Action item: Look through the data that follows and copy each line with the string "number".

Provided records:
<<<<

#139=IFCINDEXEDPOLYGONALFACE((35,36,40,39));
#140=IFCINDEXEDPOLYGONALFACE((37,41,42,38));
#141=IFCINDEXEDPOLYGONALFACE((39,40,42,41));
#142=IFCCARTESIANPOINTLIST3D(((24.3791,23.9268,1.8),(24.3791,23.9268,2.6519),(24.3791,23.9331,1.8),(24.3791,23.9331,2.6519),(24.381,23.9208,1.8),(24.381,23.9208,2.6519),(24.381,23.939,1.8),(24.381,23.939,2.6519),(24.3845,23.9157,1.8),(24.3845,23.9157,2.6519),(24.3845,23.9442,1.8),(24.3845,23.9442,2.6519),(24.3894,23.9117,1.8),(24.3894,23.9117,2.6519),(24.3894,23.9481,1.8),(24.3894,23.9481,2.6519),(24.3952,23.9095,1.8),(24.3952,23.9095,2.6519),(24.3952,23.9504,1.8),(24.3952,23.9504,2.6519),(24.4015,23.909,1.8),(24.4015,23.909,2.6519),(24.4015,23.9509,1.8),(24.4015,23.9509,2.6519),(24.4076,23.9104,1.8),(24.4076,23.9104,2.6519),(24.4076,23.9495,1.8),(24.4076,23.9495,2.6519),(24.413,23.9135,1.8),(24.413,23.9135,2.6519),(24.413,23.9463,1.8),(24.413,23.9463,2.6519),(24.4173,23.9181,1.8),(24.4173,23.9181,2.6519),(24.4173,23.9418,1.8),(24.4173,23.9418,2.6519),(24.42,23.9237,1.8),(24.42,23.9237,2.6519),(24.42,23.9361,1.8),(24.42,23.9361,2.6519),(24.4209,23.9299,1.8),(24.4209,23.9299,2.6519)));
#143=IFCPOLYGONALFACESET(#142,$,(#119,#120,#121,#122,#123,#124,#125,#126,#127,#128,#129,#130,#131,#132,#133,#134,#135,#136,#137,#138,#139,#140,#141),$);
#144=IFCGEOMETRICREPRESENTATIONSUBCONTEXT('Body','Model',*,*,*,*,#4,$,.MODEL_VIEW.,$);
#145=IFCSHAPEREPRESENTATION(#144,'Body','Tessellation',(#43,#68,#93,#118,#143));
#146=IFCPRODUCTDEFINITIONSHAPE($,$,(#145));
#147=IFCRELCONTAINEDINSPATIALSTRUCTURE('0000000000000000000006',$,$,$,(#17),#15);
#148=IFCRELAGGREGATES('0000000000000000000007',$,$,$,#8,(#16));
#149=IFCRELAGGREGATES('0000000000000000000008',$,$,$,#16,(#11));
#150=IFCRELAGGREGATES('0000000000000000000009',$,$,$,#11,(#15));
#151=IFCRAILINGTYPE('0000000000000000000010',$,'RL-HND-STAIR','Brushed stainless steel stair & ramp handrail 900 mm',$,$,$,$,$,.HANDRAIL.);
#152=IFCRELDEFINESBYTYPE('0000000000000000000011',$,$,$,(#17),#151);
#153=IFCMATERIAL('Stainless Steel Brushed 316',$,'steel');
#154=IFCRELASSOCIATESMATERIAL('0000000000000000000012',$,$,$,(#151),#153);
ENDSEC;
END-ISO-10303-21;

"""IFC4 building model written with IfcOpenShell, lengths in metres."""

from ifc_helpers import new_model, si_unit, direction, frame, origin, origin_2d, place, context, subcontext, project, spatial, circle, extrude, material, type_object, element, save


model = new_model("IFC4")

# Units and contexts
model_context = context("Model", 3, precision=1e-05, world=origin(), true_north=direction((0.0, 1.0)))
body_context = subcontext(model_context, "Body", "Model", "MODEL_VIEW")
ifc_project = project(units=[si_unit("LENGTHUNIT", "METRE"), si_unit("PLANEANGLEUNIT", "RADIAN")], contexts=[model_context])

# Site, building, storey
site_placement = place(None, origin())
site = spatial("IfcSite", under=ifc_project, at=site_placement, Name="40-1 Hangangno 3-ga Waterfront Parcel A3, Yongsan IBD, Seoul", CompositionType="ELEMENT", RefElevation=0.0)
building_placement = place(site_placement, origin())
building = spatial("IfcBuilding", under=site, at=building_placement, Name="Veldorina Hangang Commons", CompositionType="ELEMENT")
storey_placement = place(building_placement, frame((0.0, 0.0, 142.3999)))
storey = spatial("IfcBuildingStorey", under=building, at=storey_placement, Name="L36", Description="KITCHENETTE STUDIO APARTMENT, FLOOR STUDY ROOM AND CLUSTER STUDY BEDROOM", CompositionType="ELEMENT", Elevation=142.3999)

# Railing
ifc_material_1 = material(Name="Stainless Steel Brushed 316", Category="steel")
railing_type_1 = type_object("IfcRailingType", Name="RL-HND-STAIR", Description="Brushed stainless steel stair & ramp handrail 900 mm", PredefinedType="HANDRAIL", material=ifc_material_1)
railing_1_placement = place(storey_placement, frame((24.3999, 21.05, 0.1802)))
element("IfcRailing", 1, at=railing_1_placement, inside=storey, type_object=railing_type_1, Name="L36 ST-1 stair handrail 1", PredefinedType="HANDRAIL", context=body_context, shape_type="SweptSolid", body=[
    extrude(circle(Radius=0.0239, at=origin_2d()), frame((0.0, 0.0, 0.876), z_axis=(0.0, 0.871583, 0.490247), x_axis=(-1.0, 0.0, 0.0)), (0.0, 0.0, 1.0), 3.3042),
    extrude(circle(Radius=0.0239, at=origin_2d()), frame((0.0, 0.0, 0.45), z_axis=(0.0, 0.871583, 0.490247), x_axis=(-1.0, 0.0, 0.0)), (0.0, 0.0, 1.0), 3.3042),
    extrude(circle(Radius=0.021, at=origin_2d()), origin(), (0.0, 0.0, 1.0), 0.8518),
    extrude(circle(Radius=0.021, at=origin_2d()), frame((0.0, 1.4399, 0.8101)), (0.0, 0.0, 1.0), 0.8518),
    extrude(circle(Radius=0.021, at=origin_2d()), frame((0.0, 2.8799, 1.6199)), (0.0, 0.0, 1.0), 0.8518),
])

>>>>
<<<<

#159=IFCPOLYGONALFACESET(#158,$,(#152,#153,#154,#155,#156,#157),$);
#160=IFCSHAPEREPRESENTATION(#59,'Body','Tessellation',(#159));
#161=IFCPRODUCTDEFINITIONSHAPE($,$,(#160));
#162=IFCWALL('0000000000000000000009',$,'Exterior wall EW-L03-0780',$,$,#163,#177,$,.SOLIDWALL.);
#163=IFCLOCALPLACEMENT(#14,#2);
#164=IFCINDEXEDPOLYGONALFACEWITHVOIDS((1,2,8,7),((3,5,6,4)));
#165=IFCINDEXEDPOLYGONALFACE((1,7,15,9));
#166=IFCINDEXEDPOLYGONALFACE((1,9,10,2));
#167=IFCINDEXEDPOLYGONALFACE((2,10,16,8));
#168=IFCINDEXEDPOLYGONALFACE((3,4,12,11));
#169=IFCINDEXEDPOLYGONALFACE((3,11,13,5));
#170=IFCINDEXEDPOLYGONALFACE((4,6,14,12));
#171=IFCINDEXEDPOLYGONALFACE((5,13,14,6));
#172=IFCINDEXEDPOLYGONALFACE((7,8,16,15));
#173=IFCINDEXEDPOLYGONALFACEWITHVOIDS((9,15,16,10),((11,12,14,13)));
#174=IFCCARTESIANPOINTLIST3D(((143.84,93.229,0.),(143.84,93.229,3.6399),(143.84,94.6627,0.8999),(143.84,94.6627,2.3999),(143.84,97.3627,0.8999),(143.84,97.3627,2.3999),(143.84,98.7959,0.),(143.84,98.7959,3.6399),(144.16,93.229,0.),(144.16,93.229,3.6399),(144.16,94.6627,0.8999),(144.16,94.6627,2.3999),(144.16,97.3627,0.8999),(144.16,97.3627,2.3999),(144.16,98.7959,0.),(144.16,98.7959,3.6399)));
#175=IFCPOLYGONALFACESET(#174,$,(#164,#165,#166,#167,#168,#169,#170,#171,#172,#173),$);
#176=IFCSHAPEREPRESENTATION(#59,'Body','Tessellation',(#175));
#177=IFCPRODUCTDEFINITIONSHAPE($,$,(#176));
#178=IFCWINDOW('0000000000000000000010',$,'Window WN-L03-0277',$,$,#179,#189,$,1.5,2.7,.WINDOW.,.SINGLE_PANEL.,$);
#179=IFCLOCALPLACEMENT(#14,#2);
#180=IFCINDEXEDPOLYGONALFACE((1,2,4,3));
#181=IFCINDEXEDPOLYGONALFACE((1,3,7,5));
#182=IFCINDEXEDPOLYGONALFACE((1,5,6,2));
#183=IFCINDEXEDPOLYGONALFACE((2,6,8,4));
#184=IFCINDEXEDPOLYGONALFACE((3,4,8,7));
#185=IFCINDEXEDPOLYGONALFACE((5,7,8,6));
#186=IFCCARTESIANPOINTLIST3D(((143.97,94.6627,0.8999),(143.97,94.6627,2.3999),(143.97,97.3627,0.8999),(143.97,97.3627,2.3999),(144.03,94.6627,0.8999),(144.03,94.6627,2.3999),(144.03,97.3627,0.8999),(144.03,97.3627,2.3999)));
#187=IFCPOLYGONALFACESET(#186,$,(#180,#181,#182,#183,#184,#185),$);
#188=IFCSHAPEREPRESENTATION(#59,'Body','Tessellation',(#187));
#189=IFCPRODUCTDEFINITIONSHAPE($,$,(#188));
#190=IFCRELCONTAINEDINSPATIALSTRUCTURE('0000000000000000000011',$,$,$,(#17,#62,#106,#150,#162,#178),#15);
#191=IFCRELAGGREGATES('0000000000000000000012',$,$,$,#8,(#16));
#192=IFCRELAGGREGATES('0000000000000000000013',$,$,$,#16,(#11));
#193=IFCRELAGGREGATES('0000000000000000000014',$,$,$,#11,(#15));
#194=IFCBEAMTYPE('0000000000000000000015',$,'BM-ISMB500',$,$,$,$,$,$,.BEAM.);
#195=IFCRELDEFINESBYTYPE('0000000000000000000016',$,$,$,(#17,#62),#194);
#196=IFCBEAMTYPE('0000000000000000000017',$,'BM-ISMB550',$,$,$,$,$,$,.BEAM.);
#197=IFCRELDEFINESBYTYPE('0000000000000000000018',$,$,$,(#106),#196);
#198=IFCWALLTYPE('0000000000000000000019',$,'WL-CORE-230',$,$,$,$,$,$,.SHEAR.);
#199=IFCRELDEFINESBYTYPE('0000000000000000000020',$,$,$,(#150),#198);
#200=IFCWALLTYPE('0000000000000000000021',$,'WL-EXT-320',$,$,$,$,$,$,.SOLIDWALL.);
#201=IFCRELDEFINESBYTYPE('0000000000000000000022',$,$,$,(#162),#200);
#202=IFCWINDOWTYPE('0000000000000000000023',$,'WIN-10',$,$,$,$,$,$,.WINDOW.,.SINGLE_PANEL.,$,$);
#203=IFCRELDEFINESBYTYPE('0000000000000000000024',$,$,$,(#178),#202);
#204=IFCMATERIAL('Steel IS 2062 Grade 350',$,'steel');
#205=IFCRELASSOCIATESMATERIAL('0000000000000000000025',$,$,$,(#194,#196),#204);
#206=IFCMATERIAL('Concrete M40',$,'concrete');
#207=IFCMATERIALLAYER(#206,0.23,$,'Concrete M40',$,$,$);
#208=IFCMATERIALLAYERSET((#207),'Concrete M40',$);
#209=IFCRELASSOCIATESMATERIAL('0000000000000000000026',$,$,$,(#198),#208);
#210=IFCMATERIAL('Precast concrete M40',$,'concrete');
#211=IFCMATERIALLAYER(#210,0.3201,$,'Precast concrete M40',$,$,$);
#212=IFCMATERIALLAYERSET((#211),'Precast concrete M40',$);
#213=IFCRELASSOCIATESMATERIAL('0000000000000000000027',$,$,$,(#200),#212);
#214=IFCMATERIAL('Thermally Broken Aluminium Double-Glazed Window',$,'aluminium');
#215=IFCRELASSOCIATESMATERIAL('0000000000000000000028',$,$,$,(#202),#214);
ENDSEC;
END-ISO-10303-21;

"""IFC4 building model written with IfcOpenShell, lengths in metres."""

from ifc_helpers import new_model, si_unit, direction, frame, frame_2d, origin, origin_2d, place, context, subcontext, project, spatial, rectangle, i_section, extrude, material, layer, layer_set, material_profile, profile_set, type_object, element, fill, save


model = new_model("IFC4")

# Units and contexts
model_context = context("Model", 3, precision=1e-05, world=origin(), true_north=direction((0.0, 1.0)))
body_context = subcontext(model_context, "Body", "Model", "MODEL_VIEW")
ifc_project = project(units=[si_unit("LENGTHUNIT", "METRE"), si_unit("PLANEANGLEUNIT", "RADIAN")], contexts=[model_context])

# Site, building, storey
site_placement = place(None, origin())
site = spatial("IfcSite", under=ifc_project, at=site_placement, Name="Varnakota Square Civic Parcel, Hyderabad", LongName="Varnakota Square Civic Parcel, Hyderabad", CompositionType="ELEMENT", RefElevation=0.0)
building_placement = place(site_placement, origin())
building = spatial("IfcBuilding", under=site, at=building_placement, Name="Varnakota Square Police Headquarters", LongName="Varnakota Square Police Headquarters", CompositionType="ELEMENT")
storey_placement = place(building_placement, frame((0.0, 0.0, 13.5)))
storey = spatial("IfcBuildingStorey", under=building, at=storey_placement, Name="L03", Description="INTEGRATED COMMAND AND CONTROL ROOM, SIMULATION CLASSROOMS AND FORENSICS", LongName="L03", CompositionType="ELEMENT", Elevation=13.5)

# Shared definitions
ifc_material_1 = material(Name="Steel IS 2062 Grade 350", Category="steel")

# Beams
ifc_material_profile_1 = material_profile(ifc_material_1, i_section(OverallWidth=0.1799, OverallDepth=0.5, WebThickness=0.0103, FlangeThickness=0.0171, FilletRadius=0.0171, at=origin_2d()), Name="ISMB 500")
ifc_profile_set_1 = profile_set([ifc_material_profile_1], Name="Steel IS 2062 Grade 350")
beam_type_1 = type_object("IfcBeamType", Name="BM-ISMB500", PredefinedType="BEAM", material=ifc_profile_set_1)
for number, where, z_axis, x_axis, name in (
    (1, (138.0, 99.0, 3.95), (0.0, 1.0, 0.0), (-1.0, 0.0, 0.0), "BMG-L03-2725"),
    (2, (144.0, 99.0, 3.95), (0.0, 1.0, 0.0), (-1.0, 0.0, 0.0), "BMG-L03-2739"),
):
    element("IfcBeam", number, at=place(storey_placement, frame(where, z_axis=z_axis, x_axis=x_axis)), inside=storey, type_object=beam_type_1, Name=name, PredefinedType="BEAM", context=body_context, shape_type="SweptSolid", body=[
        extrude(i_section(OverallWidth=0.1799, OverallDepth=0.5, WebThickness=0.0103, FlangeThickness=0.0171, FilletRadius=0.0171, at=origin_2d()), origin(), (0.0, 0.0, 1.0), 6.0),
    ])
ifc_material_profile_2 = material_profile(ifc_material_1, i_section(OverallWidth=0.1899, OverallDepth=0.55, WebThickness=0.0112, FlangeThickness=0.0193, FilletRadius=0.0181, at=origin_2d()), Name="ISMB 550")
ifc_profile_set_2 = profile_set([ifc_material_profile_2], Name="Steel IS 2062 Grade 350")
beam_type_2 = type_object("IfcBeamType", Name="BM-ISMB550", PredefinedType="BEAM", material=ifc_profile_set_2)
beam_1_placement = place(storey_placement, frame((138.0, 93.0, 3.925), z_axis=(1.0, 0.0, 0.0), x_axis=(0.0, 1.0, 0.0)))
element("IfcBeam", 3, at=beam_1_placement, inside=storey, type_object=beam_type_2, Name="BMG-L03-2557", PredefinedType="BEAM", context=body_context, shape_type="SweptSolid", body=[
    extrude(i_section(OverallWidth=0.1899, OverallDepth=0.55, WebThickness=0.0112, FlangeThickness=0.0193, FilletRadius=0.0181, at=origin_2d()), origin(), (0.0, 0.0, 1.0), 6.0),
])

>>>>

Response:
for number, where, z_axis, x_axis, name in (
    element("IfcBeam", number, at=place(storey_placement, frame(where, z_axis=z_axis, x_axis=x_axis)), inside=storey, type_object=beam_type_1, Name=name, PredefinedType="BEAM", context=body_context, shape_type="SweptSolid", body=[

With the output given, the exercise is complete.